## TASK BRIEF:
Using the material below, print the line that contains "fill(opening_6, window_3)", the line that contains "window_4_placement = place(opening_3_placement, origin())", and every line in between, exactly and nothing else.

## SOURCE DATA:
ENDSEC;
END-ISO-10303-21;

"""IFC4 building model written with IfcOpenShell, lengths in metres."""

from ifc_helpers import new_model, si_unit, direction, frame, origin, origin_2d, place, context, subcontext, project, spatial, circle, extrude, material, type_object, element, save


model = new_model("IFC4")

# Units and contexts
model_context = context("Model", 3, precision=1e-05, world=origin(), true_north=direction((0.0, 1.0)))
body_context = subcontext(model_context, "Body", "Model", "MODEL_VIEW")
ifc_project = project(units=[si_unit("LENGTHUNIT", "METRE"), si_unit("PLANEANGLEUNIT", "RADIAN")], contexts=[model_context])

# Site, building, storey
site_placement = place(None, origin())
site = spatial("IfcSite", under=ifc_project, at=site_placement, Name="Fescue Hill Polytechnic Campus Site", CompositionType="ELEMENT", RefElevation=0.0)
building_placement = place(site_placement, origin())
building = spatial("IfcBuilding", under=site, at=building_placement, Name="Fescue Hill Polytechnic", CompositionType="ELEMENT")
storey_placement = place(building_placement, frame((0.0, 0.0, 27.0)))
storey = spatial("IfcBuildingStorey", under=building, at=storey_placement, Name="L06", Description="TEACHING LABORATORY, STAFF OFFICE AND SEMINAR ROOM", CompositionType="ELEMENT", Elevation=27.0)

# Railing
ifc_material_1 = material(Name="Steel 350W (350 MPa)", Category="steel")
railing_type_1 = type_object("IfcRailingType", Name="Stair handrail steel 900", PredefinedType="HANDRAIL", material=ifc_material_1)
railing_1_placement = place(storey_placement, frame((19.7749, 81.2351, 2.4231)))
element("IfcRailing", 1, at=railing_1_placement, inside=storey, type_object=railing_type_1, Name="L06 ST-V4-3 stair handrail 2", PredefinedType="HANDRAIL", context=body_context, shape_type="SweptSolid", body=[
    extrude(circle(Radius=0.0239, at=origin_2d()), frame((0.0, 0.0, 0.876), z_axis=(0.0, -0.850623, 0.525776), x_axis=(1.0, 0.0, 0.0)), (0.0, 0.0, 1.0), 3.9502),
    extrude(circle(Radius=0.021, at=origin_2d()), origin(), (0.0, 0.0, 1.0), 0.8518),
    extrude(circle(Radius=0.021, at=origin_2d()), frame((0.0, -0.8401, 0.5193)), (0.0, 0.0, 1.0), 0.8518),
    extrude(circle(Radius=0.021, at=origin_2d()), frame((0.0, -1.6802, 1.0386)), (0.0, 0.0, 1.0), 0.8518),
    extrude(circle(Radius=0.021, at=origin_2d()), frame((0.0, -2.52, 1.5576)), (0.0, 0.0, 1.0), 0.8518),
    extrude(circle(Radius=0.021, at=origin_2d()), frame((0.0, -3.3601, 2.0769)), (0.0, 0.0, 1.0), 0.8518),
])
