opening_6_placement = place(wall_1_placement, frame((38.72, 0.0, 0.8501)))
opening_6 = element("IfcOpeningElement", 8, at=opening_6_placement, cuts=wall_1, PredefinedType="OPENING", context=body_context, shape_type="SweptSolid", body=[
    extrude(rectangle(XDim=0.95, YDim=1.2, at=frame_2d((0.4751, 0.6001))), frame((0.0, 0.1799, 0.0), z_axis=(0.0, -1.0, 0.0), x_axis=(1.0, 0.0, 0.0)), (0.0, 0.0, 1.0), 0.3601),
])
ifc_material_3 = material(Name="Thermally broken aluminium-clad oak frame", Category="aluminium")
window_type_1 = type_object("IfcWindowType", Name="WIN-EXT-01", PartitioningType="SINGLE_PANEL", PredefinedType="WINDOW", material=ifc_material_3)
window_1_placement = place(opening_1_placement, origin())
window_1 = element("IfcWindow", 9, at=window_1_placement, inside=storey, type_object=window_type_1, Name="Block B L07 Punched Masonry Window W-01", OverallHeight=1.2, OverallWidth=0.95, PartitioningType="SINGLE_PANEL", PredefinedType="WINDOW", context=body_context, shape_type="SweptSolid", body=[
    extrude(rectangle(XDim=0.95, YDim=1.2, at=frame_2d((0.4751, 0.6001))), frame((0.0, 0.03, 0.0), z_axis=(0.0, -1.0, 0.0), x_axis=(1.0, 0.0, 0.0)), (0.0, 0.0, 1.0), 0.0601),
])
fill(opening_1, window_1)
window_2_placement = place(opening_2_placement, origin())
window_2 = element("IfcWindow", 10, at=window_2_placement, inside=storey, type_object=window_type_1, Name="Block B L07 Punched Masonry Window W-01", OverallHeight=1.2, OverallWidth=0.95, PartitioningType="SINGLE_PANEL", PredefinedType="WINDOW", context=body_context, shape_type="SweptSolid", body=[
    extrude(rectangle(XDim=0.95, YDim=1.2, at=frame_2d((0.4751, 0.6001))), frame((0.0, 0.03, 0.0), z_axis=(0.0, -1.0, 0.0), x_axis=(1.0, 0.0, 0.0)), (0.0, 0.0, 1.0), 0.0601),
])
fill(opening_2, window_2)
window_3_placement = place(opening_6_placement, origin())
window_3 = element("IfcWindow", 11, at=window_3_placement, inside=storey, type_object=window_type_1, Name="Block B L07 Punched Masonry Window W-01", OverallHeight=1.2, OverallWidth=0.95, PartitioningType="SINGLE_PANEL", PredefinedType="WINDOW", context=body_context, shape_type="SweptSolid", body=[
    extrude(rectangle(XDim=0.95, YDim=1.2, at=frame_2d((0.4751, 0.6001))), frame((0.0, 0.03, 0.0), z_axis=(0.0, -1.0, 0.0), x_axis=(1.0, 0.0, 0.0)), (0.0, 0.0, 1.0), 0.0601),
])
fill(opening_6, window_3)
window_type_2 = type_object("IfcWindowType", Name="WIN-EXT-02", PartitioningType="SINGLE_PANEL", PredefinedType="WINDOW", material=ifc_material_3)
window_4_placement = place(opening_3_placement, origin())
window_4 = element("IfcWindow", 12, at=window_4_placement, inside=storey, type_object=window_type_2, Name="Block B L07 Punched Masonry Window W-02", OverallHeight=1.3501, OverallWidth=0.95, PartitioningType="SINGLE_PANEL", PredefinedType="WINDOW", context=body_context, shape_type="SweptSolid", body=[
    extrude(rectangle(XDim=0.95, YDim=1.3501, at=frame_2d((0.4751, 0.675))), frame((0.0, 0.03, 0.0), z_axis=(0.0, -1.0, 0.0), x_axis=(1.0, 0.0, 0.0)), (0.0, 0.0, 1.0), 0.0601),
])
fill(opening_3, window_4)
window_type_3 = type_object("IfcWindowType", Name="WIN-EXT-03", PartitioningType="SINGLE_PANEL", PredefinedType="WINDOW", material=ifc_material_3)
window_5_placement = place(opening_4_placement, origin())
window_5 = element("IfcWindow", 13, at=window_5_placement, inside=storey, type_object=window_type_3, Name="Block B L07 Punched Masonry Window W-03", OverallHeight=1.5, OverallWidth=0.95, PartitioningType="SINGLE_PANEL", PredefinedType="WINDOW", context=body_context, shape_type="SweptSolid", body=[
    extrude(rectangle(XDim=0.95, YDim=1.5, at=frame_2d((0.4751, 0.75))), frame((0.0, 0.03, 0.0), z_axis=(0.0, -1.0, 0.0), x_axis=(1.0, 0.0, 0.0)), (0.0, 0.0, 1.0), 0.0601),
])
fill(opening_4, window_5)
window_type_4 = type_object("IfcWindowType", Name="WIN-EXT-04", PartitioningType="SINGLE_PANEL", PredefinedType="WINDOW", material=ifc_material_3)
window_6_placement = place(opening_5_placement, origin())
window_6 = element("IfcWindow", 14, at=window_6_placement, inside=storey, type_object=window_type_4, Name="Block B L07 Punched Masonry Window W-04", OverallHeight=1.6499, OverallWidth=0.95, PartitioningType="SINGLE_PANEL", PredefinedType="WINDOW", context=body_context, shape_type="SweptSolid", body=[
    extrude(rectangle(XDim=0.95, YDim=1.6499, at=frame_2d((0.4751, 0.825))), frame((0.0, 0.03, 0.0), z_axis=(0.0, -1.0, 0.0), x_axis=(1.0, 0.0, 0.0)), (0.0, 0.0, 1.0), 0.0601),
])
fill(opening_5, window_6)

## OUTPUT:
fill(opening_6, window_3)
window_type_2 = type_object("IfcWindowType", Name="WIN-EXT-02", PartitioningType="SINGLE_PANEL", PredefinedType="WINDOW", material=ifc_material_3)
window_4_placement = place(opening_3_placement, origin())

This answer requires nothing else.